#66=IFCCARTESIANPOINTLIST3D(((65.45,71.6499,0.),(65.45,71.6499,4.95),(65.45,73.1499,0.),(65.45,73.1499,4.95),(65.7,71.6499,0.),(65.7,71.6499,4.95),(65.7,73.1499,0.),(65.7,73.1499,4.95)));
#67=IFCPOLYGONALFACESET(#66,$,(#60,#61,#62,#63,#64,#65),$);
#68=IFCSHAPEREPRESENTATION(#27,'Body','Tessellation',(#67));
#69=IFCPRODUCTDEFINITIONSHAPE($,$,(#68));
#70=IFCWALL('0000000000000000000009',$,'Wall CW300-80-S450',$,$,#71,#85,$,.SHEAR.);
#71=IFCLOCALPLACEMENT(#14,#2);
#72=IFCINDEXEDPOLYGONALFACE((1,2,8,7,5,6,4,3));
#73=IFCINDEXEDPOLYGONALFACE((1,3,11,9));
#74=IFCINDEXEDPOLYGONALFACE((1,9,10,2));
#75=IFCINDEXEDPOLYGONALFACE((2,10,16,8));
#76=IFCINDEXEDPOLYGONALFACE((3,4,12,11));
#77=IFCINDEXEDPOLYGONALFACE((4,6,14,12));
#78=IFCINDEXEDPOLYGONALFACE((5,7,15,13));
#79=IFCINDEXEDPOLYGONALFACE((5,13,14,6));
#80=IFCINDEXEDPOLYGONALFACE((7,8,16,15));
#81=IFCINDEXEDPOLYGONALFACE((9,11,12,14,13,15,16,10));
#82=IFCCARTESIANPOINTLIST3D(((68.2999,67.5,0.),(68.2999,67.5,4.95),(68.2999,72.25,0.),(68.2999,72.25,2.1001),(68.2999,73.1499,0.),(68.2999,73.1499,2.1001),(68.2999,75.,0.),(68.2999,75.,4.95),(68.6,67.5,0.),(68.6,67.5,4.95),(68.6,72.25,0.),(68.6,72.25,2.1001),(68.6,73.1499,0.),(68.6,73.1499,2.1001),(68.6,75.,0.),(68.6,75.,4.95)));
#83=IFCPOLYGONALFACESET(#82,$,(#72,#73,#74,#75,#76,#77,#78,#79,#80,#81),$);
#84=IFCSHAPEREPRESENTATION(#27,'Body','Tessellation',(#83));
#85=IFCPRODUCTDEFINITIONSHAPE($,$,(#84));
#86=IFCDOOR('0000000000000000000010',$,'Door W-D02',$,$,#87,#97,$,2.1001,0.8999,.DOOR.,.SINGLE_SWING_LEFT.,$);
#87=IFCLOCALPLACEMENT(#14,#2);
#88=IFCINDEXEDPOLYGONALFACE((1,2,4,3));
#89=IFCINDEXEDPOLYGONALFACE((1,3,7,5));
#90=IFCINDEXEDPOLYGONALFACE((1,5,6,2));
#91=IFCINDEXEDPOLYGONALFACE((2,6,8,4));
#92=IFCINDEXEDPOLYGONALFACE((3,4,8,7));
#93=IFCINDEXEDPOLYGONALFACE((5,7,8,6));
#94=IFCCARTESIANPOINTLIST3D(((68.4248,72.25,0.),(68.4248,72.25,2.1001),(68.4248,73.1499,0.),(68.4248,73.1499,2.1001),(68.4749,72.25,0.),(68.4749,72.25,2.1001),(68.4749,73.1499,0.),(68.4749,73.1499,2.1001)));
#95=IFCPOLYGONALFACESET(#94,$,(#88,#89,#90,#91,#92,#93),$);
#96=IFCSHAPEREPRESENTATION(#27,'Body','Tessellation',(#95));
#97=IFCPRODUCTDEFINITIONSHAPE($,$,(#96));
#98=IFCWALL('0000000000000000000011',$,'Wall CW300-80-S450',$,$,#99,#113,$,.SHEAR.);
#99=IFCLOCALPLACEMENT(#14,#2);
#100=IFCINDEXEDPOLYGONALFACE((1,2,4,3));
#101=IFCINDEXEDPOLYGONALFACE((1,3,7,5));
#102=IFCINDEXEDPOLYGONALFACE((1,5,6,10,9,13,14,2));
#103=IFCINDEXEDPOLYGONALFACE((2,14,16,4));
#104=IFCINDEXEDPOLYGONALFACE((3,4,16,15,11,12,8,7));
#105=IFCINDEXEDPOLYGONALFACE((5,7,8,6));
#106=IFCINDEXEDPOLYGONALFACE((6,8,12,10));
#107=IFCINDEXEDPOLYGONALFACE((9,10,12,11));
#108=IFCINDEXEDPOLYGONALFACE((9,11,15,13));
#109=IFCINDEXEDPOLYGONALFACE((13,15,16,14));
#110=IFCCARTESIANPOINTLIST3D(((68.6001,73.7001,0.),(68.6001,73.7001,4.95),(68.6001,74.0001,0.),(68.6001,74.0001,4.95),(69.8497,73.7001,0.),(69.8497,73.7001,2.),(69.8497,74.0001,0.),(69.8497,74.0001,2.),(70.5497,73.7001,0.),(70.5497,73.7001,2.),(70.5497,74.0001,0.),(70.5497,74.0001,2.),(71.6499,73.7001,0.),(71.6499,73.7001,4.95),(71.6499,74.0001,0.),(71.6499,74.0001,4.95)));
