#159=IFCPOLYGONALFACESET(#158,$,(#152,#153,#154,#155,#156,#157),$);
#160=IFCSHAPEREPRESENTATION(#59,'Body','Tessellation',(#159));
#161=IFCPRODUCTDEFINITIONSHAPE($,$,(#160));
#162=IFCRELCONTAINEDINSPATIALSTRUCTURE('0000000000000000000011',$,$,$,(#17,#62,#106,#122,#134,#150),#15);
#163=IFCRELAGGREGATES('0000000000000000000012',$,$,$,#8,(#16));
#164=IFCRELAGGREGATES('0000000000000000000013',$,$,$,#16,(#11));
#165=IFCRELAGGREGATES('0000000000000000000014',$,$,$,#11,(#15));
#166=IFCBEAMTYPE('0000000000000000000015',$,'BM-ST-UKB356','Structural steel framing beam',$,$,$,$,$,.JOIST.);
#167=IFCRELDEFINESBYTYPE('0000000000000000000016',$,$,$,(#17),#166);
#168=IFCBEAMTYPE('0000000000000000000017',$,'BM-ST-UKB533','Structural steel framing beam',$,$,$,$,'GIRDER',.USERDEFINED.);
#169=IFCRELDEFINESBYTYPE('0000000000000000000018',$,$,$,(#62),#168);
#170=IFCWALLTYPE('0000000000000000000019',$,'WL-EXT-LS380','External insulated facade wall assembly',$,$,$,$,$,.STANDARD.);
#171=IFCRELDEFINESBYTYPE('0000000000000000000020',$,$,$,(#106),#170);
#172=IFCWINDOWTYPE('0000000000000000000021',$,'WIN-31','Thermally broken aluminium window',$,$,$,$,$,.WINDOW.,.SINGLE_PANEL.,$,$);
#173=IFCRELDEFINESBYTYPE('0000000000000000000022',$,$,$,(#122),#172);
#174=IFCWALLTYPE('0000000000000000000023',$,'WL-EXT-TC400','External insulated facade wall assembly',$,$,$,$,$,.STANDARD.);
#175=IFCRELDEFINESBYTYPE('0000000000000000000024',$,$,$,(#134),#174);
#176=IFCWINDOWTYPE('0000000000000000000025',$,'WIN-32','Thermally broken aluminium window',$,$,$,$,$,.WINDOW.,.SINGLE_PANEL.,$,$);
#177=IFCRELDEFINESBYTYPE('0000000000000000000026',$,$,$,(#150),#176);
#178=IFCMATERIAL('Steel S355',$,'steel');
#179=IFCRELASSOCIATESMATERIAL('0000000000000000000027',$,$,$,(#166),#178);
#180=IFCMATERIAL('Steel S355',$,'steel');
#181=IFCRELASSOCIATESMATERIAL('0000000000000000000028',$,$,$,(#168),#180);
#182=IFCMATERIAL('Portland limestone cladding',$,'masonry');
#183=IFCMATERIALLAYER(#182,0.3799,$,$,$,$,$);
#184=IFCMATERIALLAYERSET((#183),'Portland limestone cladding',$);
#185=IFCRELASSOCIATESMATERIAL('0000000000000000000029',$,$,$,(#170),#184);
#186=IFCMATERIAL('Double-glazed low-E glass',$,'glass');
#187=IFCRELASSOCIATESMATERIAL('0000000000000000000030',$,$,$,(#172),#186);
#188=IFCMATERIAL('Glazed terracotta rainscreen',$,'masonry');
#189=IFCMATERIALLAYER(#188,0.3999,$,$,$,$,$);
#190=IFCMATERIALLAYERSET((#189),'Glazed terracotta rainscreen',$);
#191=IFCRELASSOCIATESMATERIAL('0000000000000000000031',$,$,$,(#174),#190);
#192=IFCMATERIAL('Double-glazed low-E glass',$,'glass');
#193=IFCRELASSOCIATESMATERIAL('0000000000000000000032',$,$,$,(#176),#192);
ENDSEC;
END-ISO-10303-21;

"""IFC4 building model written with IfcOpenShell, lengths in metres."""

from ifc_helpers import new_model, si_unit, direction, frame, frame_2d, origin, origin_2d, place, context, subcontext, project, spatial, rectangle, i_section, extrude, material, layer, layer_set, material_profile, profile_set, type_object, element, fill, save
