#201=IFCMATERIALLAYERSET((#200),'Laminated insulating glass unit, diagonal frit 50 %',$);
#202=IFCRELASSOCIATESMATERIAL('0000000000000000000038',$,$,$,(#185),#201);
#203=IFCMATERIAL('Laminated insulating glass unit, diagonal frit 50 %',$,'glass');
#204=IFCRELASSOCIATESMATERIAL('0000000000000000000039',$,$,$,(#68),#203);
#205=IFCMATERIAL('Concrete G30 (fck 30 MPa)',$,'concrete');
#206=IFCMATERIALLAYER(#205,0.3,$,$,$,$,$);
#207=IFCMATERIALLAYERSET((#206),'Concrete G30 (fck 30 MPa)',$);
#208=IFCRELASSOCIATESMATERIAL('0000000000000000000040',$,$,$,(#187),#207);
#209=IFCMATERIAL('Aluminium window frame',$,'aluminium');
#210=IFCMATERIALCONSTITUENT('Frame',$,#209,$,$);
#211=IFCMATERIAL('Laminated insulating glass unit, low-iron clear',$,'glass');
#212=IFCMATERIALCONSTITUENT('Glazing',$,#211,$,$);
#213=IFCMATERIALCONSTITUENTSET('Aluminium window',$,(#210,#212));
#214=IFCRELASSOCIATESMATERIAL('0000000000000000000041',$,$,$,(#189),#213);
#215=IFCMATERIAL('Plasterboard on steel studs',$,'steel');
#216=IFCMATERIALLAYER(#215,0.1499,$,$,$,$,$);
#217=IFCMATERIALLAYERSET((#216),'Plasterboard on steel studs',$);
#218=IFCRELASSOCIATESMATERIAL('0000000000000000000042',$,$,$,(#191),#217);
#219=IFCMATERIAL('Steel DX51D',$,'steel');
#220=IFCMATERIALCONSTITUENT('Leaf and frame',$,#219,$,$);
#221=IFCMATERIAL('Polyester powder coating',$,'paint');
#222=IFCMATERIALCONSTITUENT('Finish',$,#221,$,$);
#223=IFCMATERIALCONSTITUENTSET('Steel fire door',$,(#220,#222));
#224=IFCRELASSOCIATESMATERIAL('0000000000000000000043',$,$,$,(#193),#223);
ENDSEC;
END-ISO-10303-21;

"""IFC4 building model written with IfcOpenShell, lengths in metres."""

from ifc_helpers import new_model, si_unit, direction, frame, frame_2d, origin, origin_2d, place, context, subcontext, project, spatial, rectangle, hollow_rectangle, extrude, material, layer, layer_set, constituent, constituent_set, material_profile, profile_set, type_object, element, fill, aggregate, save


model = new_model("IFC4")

::::

What to work on » Exactly as they appear, please write out the lines from the opening of the listing above down to the line containing "#81=IFCINDEXEDPOLYGONALFACE((9,11,12,14,13,15,16,10));", with both end lines included.

Response for this exercise »
#66=IFCCARTESIANPOINTLIST3D(((65.45,71.6499,0.),(65.45,71.6499,4.95),(65.45,73.1499,0.),(65.45,73.1499,4.95),(65.7,71.6499,0.),(65.7,71.6499,4.95),(65.7,73.1499,0.),(65.7,73.1499,4.95)));
#67=IFCPOLYGONALFACESET(#66,$,(#60,#61,#62,#63,#64,#65),$);
#68=IFCSHAPEREPRESENTATION(#27,'Body','Tessellation',(#67));
#69=IFCPRODUCTDEFINITIONSHAPE($,$,(#68));
#70=IFCWALL('0000000000000000000009',$,'Wall CW300-80-S450',$,$,#71,#85,$,.SHEAR.);
#71=IFCLOCALPLACEMENT(#14,#2);
#72=IFCINDEXEDPOLYGONALFACE((1,2,8,7,5,6,4,3));
#73=IFCINDEXEDPOLYGONALFACE((1,3,11,9));
#74=IFCINDEXEDPOLYGONALFACE((1,9,10,2));
#75=IFCINDEXEDPOLYGONALFACE((2,10,16,8));
#76=IFCINDEXEDPOLYGONALFACE((3,4,12,11));
#77=IFCINDEXEDPOLYGONALFACE((4,6,14,12));
#78=IFCINDEXEDPOLYGONALFACE((5,7,15,13));
#79=IFCINDEXEDPOLYGONALFACE((5,13,14,6));
#80=IFCINDEXEDPOLYGONALFACE((7,8,16,15));
#81=IFCINDEXEDPOLYGONALFACE((9,11,12,14,13,15,16,10));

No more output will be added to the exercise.